- **Problem details**
Your answer is the lines below, exactly, from the one that contains "#104=IFCPLATE('0000000000000000000013',$,'L04 NORTH FACE" through the one that contains "#111=IFCINDEXEDPOLYGONALFACE((5,7,8,6));", both included.

[Stored records]
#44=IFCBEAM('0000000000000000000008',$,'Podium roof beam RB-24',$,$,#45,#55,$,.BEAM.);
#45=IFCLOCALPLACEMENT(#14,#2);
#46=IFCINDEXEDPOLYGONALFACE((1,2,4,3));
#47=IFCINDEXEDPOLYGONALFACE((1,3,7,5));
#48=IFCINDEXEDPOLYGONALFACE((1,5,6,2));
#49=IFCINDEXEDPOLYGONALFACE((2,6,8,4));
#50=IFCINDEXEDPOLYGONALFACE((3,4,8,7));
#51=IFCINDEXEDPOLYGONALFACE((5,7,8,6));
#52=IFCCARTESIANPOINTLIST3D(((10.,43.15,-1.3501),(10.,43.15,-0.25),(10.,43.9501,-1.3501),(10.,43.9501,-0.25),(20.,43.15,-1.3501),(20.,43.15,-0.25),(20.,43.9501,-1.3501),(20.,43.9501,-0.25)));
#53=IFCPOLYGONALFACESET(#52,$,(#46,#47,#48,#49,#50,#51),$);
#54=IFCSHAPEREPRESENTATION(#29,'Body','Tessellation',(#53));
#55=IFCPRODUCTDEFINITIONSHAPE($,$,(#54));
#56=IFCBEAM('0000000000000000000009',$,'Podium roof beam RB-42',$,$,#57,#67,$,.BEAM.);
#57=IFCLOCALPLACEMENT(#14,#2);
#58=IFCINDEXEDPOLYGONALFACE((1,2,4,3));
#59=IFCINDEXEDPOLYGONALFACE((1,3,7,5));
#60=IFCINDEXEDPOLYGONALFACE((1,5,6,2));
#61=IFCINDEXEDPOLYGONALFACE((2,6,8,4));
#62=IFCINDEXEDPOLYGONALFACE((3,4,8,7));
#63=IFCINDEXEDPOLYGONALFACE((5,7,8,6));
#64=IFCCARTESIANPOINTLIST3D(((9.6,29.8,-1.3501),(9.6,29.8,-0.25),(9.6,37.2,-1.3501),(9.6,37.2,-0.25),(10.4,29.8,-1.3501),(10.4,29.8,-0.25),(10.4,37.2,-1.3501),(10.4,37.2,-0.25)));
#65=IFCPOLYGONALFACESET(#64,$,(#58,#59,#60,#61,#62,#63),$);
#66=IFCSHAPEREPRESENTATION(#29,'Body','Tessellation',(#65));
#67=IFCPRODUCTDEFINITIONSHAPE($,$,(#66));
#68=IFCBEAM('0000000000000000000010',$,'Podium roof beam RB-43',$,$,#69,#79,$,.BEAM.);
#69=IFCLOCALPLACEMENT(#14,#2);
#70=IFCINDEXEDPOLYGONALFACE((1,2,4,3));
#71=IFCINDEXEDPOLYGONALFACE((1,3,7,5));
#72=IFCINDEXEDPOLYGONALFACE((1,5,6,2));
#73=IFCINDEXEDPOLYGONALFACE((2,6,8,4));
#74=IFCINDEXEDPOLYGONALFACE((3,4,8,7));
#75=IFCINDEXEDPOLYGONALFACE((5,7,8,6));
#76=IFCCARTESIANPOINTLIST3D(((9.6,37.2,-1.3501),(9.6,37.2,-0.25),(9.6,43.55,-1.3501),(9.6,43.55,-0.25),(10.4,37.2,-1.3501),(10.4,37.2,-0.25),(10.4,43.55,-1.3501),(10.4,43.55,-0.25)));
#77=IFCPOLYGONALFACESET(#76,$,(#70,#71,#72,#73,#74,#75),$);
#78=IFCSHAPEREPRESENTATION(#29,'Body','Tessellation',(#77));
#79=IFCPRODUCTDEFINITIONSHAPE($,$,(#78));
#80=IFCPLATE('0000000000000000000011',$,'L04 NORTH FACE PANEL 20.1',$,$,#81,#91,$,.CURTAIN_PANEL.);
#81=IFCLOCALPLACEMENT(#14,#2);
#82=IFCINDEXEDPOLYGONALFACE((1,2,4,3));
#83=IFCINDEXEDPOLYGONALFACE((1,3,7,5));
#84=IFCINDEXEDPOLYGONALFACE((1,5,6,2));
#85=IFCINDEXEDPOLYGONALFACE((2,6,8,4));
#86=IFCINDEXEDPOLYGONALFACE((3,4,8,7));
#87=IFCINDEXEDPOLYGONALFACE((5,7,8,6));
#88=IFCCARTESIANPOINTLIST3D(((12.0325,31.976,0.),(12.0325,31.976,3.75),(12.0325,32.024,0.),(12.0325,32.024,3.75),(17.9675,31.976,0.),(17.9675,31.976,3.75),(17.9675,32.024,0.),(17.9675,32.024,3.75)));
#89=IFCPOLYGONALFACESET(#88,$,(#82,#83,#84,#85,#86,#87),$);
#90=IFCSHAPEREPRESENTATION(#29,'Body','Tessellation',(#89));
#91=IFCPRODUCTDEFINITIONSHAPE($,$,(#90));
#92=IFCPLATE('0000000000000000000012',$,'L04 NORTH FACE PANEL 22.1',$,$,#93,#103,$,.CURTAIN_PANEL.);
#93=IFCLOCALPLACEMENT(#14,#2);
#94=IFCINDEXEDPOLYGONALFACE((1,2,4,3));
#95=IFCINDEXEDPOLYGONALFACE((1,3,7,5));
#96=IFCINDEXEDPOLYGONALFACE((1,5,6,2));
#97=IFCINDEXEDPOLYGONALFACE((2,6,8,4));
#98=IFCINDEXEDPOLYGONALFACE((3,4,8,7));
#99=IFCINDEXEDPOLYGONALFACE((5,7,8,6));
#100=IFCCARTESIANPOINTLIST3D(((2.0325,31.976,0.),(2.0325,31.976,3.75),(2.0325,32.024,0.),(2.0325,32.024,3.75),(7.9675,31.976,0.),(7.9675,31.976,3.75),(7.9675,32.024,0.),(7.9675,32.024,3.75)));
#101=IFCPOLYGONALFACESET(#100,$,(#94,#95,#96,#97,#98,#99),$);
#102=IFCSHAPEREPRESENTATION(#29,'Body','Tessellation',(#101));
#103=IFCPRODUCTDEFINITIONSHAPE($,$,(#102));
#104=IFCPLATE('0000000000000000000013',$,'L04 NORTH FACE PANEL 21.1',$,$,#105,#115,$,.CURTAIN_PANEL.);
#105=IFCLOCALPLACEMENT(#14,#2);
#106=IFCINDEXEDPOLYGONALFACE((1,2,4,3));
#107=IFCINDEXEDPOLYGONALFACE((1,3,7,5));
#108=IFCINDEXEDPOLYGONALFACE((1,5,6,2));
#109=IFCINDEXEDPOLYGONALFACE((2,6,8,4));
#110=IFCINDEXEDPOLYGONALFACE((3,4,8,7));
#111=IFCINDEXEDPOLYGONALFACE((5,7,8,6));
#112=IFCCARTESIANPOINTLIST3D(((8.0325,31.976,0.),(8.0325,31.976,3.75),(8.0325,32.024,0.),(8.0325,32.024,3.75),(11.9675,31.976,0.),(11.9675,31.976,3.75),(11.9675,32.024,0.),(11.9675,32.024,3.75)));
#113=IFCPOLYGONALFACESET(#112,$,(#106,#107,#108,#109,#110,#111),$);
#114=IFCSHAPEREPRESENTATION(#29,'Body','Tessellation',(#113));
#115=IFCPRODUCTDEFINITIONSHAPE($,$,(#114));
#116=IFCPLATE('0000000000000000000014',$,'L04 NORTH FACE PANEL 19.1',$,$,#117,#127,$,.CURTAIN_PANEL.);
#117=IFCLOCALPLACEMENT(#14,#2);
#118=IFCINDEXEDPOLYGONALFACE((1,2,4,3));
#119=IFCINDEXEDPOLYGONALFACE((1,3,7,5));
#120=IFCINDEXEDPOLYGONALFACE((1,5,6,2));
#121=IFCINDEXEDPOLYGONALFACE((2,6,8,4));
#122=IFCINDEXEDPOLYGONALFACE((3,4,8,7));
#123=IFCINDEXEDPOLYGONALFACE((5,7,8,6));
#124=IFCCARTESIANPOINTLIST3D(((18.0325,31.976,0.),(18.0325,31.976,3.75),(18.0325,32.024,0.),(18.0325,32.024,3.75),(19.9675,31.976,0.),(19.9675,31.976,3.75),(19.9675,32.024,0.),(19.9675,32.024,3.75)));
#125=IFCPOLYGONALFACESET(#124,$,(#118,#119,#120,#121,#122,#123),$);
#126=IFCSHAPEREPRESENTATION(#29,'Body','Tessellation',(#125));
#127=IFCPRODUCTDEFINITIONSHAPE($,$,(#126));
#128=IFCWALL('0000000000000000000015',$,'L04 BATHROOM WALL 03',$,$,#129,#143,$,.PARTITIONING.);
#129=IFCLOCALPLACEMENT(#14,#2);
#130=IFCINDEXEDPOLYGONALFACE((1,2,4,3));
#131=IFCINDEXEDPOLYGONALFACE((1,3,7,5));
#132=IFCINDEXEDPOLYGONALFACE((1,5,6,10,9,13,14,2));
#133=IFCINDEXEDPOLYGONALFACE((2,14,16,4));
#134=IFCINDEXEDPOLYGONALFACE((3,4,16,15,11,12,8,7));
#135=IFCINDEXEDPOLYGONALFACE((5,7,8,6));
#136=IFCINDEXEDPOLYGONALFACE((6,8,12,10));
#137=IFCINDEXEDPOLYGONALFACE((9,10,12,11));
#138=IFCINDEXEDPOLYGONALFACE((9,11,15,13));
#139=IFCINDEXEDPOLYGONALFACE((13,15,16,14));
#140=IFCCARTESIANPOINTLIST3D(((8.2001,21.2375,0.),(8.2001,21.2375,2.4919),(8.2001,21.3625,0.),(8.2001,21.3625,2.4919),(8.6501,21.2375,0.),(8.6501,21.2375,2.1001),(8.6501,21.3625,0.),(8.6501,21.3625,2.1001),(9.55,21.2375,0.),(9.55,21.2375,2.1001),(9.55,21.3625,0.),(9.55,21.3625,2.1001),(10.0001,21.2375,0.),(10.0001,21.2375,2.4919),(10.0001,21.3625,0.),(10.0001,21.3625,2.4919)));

- **Response to this exercise**
#104=IFCPLATE('0000000000000000000013',$,'L04 NORTH FACE PANEL 21.1',$,$,#105,#115,$,.CURTAIN_PANEL.);
#105=IFCLOCALPLACEMENT(#14,#2);
#106=IFCINDEXEDPOLYGONALFACE((1,2,4,3));
#107=IFCINDEXEDPOLYGONALFACE((1,3,7,5));
#108=IFCINDEXEDPOLYGONALFACE((1,5,6,2));
#109=IFCINDEXEDPOLYGONALFACE((2,6,8,4));
#110=IFCINDEXEDPOLYGONALFACE((3,4,8,7));
#111=IFCINDEXEDPOLYGONALFACE((5,7,8,6));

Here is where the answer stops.